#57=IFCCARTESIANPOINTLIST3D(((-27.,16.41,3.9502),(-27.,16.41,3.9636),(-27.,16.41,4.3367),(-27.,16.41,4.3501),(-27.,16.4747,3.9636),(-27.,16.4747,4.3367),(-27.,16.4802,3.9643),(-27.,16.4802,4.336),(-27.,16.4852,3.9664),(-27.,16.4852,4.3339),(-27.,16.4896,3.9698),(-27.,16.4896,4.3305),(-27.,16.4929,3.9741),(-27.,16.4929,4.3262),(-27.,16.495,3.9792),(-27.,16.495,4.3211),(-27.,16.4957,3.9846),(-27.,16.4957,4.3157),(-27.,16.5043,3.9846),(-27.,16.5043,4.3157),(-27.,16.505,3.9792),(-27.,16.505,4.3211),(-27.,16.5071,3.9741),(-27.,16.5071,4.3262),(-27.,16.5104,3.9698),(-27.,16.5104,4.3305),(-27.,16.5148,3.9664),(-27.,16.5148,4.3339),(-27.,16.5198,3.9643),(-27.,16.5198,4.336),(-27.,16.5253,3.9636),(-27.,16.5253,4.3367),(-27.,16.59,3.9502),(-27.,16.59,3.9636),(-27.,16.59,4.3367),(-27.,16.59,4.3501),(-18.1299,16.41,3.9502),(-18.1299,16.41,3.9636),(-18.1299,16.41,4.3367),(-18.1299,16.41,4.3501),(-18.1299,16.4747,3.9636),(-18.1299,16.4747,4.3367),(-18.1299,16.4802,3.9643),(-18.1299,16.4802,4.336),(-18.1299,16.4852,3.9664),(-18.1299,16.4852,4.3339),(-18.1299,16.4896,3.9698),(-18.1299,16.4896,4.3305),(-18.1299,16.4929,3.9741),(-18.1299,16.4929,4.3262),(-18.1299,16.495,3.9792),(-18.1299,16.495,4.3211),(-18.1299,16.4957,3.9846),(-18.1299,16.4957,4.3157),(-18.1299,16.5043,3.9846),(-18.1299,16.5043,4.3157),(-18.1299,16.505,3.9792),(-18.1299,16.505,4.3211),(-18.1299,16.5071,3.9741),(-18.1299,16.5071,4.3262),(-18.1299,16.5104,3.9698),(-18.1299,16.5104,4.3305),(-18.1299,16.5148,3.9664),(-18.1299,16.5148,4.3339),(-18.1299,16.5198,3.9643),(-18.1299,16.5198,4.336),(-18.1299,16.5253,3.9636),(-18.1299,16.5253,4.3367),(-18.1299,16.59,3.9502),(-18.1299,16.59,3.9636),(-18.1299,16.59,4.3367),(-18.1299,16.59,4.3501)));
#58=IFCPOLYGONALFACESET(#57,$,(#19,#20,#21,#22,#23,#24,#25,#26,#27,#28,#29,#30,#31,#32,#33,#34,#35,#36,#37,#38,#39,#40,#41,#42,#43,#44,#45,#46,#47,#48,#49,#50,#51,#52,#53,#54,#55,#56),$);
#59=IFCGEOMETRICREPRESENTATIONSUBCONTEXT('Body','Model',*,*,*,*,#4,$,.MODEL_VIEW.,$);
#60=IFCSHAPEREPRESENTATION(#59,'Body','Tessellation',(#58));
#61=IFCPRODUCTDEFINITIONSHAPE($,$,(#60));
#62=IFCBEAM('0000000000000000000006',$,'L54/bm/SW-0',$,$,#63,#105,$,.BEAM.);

* * *

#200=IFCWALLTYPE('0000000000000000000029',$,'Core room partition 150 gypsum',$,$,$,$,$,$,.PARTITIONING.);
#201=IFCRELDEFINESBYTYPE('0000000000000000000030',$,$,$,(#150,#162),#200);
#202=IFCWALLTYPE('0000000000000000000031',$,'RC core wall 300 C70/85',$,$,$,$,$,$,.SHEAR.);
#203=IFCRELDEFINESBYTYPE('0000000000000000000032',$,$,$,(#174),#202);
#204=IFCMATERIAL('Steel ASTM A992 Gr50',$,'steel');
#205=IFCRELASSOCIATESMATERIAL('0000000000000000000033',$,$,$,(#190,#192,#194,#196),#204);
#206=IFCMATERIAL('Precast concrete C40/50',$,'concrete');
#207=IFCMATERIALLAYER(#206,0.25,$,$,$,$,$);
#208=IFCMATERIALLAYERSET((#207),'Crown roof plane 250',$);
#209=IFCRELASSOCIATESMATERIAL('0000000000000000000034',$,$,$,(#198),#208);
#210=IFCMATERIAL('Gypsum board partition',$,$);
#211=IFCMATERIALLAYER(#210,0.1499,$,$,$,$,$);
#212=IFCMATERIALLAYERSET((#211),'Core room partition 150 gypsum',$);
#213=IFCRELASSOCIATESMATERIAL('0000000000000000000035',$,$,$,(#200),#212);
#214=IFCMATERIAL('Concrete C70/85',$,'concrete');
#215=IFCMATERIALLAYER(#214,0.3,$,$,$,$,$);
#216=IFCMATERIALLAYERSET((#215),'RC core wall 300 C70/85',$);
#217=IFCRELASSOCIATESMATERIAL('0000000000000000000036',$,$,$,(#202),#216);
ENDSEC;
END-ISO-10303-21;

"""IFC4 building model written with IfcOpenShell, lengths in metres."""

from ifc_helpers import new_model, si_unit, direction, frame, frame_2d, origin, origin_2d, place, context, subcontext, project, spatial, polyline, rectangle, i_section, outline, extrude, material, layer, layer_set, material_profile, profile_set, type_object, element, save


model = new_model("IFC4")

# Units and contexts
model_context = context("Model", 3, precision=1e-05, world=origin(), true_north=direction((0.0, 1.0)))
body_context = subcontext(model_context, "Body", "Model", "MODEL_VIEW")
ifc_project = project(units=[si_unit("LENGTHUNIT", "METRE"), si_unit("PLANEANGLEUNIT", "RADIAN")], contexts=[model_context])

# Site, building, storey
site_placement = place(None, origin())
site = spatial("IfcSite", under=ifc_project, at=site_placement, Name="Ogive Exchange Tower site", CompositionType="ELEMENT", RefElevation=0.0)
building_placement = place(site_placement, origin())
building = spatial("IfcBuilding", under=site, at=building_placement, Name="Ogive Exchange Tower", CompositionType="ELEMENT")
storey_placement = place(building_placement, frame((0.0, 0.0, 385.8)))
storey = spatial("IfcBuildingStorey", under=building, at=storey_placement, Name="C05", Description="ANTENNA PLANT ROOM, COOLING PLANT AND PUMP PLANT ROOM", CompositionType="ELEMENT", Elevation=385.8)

* * *

— Work order —
Output exactly the lines of the material above from the one containing "#212=IFCMATERIALLAYERSET((#211),'Core room partition" up to and including the one containing "#215=IFCMATERIALLAYER(#214,0.3,$,$,$,$,$);".

— Result below —
#212=IFCMATERIALLAYERSET((#211),'Core room partition 150 gypsum',$);
#213=IFCRELASSOCIATESMATERIAL('0000000000000000000035',$,$,$,(#200),#212);
#214=IFCMATERIAL('Concrete C70/85',$,'concrete');
#215=IFCMATERIALLAYER(#214,0.3,$,$,$,$,$);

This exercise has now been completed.